Task directions ▸ Your answer is the lines below, exactly, from the one that contains "#51=IFCLOCALPLACEMENT(#14,#2);" through the one that contains "#73=IFCINDEXEDPOLYGONALFACE((11,15,16,12));", both included.

Data records ▸
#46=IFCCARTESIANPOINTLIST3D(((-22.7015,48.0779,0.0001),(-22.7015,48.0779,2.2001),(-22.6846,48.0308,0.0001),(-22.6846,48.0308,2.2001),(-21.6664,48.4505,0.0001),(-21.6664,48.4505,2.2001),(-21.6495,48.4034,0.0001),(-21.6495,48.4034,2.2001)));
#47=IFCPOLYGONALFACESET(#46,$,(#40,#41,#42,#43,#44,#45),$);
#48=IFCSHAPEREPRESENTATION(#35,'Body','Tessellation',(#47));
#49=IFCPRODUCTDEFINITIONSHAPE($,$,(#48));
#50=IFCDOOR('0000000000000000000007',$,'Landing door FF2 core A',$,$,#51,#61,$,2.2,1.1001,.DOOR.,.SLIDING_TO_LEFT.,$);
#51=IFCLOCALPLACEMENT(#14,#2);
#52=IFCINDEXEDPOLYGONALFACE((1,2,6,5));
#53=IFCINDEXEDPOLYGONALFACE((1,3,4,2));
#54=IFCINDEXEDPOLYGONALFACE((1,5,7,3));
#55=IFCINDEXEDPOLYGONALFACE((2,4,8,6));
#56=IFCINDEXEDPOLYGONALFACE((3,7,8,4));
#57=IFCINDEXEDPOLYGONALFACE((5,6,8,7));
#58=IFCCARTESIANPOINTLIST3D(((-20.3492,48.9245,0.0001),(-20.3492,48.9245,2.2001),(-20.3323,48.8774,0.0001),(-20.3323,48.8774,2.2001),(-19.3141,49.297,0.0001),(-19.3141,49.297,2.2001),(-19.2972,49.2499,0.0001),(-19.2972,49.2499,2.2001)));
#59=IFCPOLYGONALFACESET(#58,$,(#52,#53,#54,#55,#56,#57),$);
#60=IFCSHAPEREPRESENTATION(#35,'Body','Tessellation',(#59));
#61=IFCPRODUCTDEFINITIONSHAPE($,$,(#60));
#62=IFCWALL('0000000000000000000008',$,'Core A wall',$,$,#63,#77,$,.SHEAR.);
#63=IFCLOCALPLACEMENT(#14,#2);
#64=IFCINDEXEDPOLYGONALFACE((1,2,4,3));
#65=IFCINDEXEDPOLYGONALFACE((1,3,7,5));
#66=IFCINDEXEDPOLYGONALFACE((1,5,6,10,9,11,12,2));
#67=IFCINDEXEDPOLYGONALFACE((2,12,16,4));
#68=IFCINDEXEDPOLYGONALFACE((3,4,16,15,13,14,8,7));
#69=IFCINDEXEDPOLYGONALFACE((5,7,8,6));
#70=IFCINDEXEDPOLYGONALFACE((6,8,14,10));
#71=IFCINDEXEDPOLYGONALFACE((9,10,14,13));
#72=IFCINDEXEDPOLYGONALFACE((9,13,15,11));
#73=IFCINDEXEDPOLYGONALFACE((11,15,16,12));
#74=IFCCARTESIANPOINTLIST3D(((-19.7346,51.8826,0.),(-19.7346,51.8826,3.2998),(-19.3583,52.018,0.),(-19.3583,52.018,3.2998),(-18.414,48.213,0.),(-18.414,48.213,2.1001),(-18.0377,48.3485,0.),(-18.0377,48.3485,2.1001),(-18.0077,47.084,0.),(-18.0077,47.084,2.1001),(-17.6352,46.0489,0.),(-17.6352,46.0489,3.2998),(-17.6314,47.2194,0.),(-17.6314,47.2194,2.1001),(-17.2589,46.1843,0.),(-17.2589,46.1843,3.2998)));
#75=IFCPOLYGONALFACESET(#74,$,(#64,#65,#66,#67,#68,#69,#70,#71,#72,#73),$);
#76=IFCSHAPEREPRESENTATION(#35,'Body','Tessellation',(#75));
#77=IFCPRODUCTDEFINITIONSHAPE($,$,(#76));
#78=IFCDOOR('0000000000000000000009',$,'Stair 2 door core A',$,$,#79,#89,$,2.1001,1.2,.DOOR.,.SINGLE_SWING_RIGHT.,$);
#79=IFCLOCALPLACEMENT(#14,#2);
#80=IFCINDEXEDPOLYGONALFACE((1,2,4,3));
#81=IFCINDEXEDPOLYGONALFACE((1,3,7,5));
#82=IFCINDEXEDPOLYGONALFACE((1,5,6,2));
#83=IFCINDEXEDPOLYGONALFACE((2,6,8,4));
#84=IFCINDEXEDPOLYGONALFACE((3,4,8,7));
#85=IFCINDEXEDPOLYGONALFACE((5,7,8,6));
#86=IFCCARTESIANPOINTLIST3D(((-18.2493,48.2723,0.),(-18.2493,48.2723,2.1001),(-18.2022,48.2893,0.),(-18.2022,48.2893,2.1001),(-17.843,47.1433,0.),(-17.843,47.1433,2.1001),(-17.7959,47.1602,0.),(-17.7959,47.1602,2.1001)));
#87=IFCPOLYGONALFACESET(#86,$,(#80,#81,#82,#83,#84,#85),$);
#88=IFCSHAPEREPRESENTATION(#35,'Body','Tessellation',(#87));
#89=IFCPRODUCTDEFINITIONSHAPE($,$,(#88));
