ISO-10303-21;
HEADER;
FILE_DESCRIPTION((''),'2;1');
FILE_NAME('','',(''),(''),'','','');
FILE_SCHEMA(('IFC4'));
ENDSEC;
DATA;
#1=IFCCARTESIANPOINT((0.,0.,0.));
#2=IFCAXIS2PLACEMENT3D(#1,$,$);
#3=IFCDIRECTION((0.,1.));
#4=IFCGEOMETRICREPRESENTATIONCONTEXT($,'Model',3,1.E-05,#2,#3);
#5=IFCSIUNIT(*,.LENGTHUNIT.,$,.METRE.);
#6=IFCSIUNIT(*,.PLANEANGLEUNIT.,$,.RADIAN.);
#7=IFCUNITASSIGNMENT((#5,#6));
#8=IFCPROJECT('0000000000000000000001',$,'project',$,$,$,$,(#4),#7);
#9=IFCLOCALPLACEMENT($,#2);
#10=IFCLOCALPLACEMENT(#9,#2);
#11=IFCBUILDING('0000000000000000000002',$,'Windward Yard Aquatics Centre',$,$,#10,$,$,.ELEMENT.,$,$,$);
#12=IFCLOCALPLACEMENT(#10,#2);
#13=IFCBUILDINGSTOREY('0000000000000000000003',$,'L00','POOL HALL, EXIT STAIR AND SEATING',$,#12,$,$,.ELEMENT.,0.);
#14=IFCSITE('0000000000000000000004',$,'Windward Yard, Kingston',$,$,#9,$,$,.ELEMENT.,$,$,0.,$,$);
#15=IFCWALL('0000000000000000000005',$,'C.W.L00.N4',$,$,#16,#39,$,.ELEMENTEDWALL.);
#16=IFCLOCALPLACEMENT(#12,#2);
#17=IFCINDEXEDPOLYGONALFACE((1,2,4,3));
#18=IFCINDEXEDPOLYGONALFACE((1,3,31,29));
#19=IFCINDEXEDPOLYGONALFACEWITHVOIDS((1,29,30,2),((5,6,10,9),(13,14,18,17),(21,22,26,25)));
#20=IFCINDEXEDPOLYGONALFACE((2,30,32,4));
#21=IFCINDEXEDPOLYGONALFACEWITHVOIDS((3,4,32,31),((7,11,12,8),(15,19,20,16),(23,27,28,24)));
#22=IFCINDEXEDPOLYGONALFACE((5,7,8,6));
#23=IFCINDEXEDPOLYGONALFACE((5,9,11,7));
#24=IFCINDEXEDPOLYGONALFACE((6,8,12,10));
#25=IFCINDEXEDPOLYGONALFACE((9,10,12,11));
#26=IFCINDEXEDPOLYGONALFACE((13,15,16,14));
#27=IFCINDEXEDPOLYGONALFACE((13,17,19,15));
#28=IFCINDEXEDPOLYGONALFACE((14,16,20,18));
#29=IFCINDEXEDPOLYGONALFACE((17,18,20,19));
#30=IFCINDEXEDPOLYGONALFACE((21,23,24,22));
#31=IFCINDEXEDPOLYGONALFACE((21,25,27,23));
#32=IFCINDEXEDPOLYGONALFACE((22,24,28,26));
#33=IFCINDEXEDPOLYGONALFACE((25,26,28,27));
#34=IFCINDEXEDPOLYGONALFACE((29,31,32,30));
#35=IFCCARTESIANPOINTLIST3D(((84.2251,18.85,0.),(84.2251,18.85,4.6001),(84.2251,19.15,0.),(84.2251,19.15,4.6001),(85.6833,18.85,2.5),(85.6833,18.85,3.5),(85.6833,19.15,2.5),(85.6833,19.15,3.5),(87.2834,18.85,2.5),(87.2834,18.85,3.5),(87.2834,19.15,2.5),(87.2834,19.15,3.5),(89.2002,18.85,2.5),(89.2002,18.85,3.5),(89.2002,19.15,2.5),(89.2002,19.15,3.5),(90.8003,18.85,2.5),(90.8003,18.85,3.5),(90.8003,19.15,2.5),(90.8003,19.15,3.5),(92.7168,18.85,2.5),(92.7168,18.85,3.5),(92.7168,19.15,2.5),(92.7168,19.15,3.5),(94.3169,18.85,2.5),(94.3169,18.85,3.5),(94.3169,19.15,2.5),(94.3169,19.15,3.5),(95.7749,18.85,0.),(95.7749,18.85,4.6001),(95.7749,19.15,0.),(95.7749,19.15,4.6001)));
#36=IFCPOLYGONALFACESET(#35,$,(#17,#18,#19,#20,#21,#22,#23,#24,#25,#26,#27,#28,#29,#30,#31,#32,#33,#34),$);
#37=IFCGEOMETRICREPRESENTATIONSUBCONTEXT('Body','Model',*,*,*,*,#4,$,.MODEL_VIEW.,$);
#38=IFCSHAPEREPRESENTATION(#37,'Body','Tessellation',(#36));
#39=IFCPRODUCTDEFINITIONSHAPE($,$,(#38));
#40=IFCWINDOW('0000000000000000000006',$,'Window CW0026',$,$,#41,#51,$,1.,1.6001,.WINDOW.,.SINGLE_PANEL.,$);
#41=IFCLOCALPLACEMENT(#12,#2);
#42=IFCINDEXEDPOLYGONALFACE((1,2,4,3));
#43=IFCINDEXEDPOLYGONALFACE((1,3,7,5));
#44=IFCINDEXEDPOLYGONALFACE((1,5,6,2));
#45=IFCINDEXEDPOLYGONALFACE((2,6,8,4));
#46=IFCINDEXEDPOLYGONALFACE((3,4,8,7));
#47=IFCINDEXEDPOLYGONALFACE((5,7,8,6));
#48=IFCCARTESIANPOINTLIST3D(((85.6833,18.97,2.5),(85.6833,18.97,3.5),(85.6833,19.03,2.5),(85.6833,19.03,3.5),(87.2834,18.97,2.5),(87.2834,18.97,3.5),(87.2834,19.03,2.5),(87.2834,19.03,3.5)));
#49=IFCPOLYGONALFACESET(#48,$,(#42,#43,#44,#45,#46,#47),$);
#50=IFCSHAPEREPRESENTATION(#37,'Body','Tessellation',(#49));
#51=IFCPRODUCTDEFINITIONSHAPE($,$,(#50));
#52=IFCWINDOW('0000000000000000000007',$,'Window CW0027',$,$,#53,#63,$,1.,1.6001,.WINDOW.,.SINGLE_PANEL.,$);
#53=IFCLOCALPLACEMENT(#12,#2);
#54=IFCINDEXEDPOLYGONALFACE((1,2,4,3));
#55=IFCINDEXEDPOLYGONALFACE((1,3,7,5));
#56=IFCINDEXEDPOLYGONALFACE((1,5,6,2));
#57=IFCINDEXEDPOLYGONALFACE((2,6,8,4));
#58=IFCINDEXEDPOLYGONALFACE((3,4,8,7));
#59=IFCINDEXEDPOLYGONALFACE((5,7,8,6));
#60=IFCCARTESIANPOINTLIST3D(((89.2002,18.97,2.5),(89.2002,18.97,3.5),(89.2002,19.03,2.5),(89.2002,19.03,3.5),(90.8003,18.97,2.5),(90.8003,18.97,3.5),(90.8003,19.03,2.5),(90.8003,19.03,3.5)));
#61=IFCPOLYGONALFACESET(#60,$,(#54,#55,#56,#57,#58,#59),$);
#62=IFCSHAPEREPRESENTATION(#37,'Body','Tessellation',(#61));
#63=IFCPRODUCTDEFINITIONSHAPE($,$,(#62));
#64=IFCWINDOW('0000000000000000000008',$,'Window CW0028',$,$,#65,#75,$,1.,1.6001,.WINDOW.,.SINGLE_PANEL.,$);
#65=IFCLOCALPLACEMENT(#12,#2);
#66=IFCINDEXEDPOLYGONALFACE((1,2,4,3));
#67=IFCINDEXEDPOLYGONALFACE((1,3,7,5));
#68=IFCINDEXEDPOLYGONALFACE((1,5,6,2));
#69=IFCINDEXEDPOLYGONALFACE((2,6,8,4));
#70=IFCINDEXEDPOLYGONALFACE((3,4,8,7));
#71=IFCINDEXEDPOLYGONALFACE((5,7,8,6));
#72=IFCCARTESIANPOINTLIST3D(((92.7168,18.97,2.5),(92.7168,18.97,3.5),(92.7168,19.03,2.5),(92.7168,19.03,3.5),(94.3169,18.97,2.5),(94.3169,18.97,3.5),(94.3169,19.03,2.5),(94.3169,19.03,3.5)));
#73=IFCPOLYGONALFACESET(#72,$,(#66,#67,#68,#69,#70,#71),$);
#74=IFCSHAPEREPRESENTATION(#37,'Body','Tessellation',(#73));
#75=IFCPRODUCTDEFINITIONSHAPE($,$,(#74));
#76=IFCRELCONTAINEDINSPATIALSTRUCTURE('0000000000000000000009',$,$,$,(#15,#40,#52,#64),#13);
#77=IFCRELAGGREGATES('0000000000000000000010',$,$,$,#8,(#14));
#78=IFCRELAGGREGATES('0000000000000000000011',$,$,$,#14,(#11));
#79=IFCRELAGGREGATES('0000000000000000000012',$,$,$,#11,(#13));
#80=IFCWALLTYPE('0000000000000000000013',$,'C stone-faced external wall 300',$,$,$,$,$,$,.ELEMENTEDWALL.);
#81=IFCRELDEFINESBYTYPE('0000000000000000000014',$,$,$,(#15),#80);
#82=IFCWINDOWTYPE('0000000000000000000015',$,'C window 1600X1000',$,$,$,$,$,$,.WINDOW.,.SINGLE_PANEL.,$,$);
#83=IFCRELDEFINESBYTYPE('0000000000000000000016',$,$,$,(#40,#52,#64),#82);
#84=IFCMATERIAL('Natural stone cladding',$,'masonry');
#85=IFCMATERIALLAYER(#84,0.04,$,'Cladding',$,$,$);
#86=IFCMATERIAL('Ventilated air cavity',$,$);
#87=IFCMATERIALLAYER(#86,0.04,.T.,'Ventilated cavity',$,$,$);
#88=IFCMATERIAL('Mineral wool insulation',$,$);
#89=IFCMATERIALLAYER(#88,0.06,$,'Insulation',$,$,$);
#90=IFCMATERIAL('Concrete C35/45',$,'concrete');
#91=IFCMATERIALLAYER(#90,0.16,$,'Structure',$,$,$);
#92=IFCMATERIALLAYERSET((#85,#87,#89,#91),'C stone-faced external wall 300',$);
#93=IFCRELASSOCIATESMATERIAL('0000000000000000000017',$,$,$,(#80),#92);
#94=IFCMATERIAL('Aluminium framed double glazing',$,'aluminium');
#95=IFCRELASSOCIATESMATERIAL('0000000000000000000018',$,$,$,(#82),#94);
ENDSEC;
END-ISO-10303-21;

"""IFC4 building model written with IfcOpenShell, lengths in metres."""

from ifc_helpers import new_model, si_unit, direction, frame, frame_2d, origin, place, context, subcontext, project, spatial, rectangle, extrude, material, layer, layer_set, type_object, element, fill, save


model = new_model("IFC4")

# Units and contexts
model_context = context("Model", 3, precision=1e-05, world=origin(), true_north=direction((0.0, 1.0)))
body_context = subcontext(model_context, "Body", "Model", "MODEL_VIEW")
ifc_project = project(units=[si_unit("LENGTHUNIT", "METRE"), si_unit("PLANEANGLEUNIT", "RADIAN")], contexts=[model_context])

# Site, building, storey
site_placement = place(None, origin())
site = spatial("IfcSite", under=ifc_project, at=site_placement, Name="Windward Yard, Kingston", CompositionType="ELEMENT", RefElevation=0.0)
building_placement = place(site_placement, origin())
building = spatial("IfcBuilding", under=site, at=building_placement, Name="Windward Yard Aquatics Centre", CompositionType="ELEMENT")
storey_placement = place(building_placement, origin())
storey = spatial("IfcBuildingStorey", under=building, at=storey_placement, Name="L00", Description="POOL HALL, EXIT STAIR AND SEATING", CompositionType="ELEMENT", Elevation=0.0)

# Shared definitions
ifc_material_1 = material(Name="Concrete C35/45", Category="concrete")

# Wall, openings, windows
ifc_material_2 = material(Name="Natural stone cladding", Category="masonry")
ifc_layer_1 = layer(ifc_material_2, 0.04, Name="Cladding")
ifc_material_3 = material(Name="Ventilated air cavity")
ifc_layer_2 = layer(ifc_material_3, 0.04, ventilated=True, Name="Ventilated cavity")
ifc_material_4 = material(Name="Mineral wool insulation")
ifc_layer_3 = layer(ifc_material_4, 0.06, Name="Insulation")
ifc_layer_4 = layer(ifc_material_1, 0.16, Name="Structure")
ifc_layer_set_1 = layer_set([ifc_layer_1, ifc_layer_2, ifc_layer_3, ifc_layer_4], Name="C stone-faced external wall 300")
wall_type_1 = type_object("IfcWallType", Name="C stone-faced external wall 300", PredefinedType="ELEMENTEDWALL", material=ifc_layer_set_1)
wall_1_placement = place(storey_placement, frame((84.2251, 19.0, 0.0), z_axis=(0.0, 0.0, 1.0), x_axis=(1.0, 0.0, 0.0)))
wall_1 = element("IfcWall", 1, at=wall_1_placement, inside=storey, type_object=wall_type_1, Name="C.W.L00.N4", PredefinedType="ELEMENTEDWALL", context=body_context, shape_type="SweptSolid", body=[
    extrude(rectangle(XDim=11.5498, YDim=0.3, at=frame_2d((5.7749, 0.0))), origin(), (0.0, 0.0, 1.0), 4.6001),
])
opening_1_placement = place(wall_1_placement, frame((1.4583, 0.0, 2.5)))
opening_1 = element("IfcOpeningElement", 2, at=opening_1_placement, cuts=wall_1, PredefinedType="OPENING", context=body_context, shape_type="SweptSolid", body=[
    extrude(rectangle(XDim=1.6001, YDim=1.0, at=frame_2d((0.8, 0.5))), frame((0.0, 0.1602, 0.0), z_axis=(0.0, -1.0, 0.0), x_axis=(1.0, 0.0, 0.0)), (0.0, 0.0, 1.0), 0.3201),
])
opening_2_placement = place(wall_1_placement, frame((4.9751, 0.0, 2.5)))
opening_2 = element("IfcOpeningElement", 3, at=opening_2_placement, cuts=wall_1, PredefinedType="OPENING", context=body_context, shape_type="SweptSolid", body=[
    extrude(rectangle(XDim=1.6001, YDim=1.0, at=frame_2d((0.8, 0.5))), frame((0.0, 0.1602, 0.0), z_axis=(0.0, -1.0, 0.0), x_axis=(1.0, 0.0, 0.0)), (0.0, 0.0, 1.0), 0.3201),
])
opening_3_placement = place(wall_1_placement, frame((8.4917, 0.0, 2.5)))
opening_3 = element("IfcOpeningElement", 4, at=opening_3_placement, cuts=wall_1, PredefinedType="OPENING", context=body_context, shape_type="SweptSolid", body=[
    extrude(rectangle(XDim=1.6001, YDim=1.0, at=frame_2d((0.8, 0.5))), frame((0.0, 0.1602, 0.0), z_axis=(0.0, -1.0, 0.0), x_axis=(1.0, 0.0, 0.0)), (0.0, 0.0, 1.0), 0.3201),
])
ifc_material_5 = material(Name="Aluminium framed double glazing", Category="aluminium")
window_type = type_object("IfcWindowType", Name="C window 1600X1000", PartitioningType="SINGLE_PANEL", PredefinedType="WINDOW", material=ifc_material_5)
window_1_placement = place(opening_1_placement, origin())
window_1 = element("IfcWindow", 5, at=window_1_placement, inside=storey, type_object=window_type, Name="Window CW0026", OverallHeight=1.0, OverallWidth=1.6001, PartitioningType="SINGLE_PANEL", PredefinedType="WINDOW", context=body_context, shape_type="SweptSolid", body=[
    extrude(rectangle(XDim=1.6001, YDim=1.0, at=frame_2d((0.8, 0.5))), frame((0.0, 0.03, 0.0), z_axis=(0.0, -1.0, 0.0), x_axis=(1.0, 0.0, 0.0)), (0.0, 0.0, 1.0), 0.0601),
])
fill(opening_1, window_1)
window_2_placement = place(opening_2_placement, origin())
window_2 = element("IfcWindow", 6, at=window_2_placement, inside=storey, type_object=window_type, Name="Window CW0027", OverallHeight=1.0, OverallWidth=1.6001, PartitioningType="SINGLE_PANEL", PredefinedType="WINDOW", context=body_context, shape_type="SweptSolid", body=[
    extrude(rectangle(XDim=1.6001, YDim=1.0, at=frame_2d((0.8, 0.5))), frame((0.0, 0.03, 0.0), z_axis=(0.0, -1.0, 0.0), x_axis=(1.0, 0.0, 0.0)), (0.0, 0.0, 1.0), 0.0601),
])
fill(opening_2, window_2)
window_3_placement = place(opening_3_placement, origin())
window_3 = element("IfcWindow", 7, at=window_3_placement, inside=storey, type_object=window_type, Name="Window CW0028", OverallHeight=1.0, OverallWidth=1.6001, PartitioningType="SINGLE_PANEL", PredefinedType="WINDOW", context=body_context, shape_type="SweptSolid", body=[
    extrude(rectangle(XDim=1.6001, YDim=1.0, at=frame_2d((0.8, 0.5))), frame((0.0, 0.03, 0.0), z_axis=(0.0, -1.0, 0.0), x_axis=(1.0, 0.0, 0.0)), (0.0, 0.0, 1.0), 0.0601),
])
fill(opening_3, window_3)

save(model, "model.ifc")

Task response ▸
#51=IFCLOCALPLACEMENT(#14,#2);
#52=IFCINDEXEDPOLYGONALFACE((1,2,6,5));
#53=IFCINDEXEDPOLYGONALFACE((1,3,4,2));
#54=IFCINDEXEDPOLYGONALFACE((1,5,7,3));
#55=IFCINDEXEDPOLYGONALFACE((2,4,8,6));
#56=IFCINDEXEDPOLYGONALFACE((3,7,8,4));
#57=IFCINDEXEDPOLYGONALFACE((5,6,8,7));
#58=IFCCARTESIANPOINTLIST3D(((-20.3492,48.9245,0.0001),(-20.3492,48.9245,2.2001),(-20.3323,48.8774,0.0001),(-20.3323,48.8774,2.2001),(-19.3141,49.297,0.0001),(-19.3141,49.297,2.2001),(-19.2972,49.2499,0.0001),(-19.2972,49.2499,2.2001)));
#59=IFCPOLYGONALFACESET(#58,$,(#52,#53,#54,#55,#56,#57),$);
#60=IFCSHAPEREPRESENTATION(#35,'Body','Tessellation',(#59));
#61=IFCPRODUCTDEFINITIONSHAPE($,$,(#60));
#62=IFCWALL('0000000000000000000008',$,'Core A wall',$,$,#63,#77,$,.SHEAR.);
#63=IFCLOCALPLACEMENT(#14,#2);
#64=IFCINDEXEDPOLYGONALFACE((1,2,4,3));
#65=IFCINDEXEDPOLYGONALFACE((1,3,7,5));
#66=IFCINDEXEDPOLYGONALFACE((1,5,6,10,9,11,12,2));
#67=IFCINDEXEDPOLYGONALFACE((2,12,16,4));
#68=IFCINDEXEDPOLYGONALFACE((3,4,16,15,13,14,8,7));
#69=IFCINDEXEDPOLYGONALFACE((5,7,8,6));
#70=IFCINDEXEDPOLYGONALFACE((6,8,14,10));
#71=IFCINDEXEDPOLYGONALFACE((9,10,14,13));
#72=IFCINDEXEDPOLYGONALFACE((9,13,15,11));
#73=IFCINDEXEDPOLYGONALFACE((11,15,16,12));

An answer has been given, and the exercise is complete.